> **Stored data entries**

□ □ □ □ □ □ □

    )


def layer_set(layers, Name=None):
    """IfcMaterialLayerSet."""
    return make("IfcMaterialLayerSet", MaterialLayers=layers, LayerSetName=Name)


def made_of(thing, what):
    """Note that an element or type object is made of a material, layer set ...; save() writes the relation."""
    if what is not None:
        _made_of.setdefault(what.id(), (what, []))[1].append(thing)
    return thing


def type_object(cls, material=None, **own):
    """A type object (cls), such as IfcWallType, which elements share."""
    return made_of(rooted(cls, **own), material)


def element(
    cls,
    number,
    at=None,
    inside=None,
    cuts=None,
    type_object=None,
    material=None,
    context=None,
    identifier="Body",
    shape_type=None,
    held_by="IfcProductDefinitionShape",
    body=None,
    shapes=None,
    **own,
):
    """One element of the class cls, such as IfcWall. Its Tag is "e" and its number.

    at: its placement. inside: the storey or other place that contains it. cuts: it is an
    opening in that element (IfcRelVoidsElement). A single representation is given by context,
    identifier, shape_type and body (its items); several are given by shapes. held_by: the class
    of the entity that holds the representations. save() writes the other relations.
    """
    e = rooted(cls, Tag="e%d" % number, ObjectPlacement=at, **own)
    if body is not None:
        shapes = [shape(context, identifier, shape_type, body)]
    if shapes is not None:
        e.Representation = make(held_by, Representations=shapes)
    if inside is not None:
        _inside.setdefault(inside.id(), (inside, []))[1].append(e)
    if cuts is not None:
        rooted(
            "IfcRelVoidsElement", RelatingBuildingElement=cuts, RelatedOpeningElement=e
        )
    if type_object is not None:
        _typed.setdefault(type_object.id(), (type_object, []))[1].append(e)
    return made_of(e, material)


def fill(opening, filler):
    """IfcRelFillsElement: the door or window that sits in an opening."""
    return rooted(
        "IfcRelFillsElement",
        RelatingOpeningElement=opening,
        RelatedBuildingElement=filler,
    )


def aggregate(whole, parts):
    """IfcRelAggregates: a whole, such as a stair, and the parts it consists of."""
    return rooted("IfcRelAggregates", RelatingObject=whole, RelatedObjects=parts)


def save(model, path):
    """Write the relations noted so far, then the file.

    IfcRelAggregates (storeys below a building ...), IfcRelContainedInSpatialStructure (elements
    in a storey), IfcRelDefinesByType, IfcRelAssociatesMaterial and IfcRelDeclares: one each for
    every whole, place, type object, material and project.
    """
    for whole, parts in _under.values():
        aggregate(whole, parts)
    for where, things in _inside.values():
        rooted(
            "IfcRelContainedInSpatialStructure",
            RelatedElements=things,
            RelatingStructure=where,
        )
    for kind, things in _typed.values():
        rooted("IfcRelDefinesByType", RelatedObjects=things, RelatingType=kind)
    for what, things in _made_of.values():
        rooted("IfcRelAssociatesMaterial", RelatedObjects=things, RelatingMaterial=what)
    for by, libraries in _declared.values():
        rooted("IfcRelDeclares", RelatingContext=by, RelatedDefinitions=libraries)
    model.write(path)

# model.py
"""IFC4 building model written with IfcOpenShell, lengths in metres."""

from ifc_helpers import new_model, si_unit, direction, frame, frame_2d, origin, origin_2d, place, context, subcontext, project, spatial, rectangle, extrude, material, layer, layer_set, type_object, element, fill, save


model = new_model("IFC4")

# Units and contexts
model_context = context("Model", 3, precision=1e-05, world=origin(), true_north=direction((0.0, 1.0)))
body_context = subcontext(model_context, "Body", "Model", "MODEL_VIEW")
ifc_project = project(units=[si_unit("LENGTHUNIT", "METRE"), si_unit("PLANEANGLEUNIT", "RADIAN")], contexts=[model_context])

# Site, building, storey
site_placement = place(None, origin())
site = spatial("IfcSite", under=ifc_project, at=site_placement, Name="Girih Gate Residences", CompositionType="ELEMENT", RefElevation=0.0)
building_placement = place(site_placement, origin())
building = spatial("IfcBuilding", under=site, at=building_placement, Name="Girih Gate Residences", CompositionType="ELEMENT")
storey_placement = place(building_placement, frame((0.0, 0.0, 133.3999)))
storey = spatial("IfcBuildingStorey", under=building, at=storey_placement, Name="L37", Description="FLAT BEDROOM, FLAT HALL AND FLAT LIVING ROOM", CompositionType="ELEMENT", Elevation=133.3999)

□ □ □ □ □ □ □

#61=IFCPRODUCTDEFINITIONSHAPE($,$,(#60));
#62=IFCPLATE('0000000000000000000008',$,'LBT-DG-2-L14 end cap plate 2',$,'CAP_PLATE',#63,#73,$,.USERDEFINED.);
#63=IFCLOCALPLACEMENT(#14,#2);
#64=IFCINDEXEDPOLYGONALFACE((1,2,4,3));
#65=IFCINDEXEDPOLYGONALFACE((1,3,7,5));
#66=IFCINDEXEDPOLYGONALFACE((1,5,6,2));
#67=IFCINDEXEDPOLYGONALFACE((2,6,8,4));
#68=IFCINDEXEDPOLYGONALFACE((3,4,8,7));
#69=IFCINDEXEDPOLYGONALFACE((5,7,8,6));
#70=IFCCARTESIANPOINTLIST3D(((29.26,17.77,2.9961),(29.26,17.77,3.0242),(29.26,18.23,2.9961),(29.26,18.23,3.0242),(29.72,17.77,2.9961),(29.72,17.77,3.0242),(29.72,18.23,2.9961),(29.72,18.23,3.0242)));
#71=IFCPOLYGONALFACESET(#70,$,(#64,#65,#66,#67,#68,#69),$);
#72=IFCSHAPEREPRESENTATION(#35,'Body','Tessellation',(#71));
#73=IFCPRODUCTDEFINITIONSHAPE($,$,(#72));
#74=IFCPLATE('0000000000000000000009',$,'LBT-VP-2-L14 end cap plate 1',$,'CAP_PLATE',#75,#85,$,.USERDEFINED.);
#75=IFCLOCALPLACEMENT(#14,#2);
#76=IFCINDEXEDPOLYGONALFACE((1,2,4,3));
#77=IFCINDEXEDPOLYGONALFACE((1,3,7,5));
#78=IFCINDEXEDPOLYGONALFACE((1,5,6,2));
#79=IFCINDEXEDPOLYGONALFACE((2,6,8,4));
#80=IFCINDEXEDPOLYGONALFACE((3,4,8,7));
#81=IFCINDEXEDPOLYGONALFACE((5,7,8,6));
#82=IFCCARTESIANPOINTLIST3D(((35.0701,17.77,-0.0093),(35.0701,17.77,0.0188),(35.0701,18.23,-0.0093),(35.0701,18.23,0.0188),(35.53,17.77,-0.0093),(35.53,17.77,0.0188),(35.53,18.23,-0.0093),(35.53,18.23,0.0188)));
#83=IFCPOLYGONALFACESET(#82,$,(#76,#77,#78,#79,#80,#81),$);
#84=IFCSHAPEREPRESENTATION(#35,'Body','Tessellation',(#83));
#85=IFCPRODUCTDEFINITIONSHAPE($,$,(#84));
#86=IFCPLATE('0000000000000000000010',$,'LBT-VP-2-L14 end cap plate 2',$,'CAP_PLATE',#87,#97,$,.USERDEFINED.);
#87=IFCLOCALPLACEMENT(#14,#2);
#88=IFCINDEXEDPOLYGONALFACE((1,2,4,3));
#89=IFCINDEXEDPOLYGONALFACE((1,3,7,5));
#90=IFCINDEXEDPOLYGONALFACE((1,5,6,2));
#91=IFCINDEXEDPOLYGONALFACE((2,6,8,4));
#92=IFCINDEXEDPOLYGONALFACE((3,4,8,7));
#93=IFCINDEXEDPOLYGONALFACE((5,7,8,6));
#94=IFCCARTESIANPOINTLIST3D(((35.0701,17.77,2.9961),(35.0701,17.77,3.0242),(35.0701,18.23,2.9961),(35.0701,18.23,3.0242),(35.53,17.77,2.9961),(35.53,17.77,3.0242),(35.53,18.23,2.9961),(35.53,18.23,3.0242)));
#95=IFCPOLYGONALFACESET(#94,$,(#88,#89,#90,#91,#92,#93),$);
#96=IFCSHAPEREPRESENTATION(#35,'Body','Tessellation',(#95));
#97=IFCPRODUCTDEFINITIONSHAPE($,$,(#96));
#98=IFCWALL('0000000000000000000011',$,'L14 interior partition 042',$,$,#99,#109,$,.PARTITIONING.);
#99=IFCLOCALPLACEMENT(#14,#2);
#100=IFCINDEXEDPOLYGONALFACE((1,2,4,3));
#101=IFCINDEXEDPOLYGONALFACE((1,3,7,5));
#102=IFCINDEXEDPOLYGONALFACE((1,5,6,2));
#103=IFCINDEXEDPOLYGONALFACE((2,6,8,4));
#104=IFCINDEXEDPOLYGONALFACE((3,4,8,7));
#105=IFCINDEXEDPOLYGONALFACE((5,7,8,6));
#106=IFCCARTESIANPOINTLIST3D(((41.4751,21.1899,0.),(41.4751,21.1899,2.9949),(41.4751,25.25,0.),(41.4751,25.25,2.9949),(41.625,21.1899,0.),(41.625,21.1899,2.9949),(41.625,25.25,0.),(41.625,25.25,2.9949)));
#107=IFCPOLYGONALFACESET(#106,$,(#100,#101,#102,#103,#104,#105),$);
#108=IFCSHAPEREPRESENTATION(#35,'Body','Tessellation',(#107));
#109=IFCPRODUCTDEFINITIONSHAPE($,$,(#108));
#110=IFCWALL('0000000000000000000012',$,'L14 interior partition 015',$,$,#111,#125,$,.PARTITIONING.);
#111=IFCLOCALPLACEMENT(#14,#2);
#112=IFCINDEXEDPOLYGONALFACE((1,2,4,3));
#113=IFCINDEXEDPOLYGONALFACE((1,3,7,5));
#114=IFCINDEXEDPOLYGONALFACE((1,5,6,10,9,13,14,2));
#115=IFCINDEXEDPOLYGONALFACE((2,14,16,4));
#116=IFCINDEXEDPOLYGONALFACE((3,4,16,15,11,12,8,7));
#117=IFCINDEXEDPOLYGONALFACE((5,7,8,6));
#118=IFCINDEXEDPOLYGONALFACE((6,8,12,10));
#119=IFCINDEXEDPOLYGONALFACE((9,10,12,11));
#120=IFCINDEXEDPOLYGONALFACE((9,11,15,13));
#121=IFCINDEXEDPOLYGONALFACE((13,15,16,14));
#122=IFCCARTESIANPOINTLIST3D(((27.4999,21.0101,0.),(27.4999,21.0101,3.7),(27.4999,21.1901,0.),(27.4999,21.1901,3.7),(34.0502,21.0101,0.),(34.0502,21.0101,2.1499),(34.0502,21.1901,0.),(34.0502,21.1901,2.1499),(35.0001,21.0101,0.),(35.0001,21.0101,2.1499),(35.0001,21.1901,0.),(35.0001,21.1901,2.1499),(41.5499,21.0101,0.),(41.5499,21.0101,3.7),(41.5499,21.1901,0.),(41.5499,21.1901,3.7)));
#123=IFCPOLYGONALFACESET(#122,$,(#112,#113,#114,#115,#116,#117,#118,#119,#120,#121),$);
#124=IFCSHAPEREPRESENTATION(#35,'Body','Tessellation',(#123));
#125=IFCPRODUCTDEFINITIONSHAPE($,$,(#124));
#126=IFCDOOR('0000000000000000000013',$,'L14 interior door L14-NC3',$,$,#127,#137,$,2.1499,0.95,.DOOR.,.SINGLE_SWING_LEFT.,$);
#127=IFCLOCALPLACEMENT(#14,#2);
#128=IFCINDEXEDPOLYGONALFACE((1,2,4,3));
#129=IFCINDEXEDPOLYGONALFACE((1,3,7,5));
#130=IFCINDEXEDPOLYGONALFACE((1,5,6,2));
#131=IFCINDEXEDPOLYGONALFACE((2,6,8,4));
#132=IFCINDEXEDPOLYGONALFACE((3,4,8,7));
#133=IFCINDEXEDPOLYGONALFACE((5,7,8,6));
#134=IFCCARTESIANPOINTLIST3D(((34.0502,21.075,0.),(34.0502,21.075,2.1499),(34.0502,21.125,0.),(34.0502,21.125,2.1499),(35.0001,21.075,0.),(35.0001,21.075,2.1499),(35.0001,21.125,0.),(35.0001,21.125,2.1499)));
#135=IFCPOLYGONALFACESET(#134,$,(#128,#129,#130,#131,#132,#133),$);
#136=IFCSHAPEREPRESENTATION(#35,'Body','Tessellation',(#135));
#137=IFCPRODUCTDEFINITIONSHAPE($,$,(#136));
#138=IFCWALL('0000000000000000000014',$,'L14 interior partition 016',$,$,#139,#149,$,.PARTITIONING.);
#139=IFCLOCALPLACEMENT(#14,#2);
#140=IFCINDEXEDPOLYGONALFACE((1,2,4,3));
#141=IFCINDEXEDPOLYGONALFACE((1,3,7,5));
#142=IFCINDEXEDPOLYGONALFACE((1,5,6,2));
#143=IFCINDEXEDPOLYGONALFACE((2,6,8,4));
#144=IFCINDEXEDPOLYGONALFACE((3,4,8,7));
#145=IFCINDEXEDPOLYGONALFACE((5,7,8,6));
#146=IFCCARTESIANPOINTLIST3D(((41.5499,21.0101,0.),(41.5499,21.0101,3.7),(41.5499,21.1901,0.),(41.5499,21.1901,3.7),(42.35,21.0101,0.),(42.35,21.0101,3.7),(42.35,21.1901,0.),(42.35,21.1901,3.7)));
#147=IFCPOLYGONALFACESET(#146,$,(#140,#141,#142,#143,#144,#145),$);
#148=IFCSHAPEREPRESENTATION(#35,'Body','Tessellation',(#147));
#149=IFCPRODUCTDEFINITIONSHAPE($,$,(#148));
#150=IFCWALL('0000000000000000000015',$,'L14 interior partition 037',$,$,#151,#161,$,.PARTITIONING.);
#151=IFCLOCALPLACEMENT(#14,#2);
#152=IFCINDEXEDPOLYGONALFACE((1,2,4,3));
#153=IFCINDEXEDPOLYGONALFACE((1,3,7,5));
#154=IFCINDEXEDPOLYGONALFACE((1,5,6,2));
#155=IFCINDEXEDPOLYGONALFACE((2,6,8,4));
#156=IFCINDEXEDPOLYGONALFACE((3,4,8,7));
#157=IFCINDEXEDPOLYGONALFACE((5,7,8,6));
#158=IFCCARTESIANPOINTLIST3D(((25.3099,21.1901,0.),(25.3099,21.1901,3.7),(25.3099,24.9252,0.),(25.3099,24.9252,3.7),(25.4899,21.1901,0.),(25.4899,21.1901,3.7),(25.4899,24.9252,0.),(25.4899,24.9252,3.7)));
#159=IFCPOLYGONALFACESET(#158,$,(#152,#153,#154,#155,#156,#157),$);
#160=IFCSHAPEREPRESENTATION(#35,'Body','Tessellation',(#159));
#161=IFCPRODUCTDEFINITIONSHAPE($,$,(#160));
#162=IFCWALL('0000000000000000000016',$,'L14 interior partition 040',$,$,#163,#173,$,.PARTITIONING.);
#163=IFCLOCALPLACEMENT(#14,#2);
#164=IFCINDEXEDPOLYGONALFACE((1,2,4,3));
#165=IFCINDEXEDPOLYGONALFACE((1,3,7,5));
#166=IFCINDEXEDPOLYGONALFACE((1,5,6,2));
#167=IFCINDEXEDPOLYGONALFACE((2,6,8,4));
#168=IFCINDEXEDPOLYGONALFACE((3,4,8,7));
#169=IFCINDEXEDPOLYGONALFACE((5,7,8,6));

□ □ □ □ □ □ □

Once you have counted the lines above that contain "direction", give that number alone.

> **Output of the exercise**
2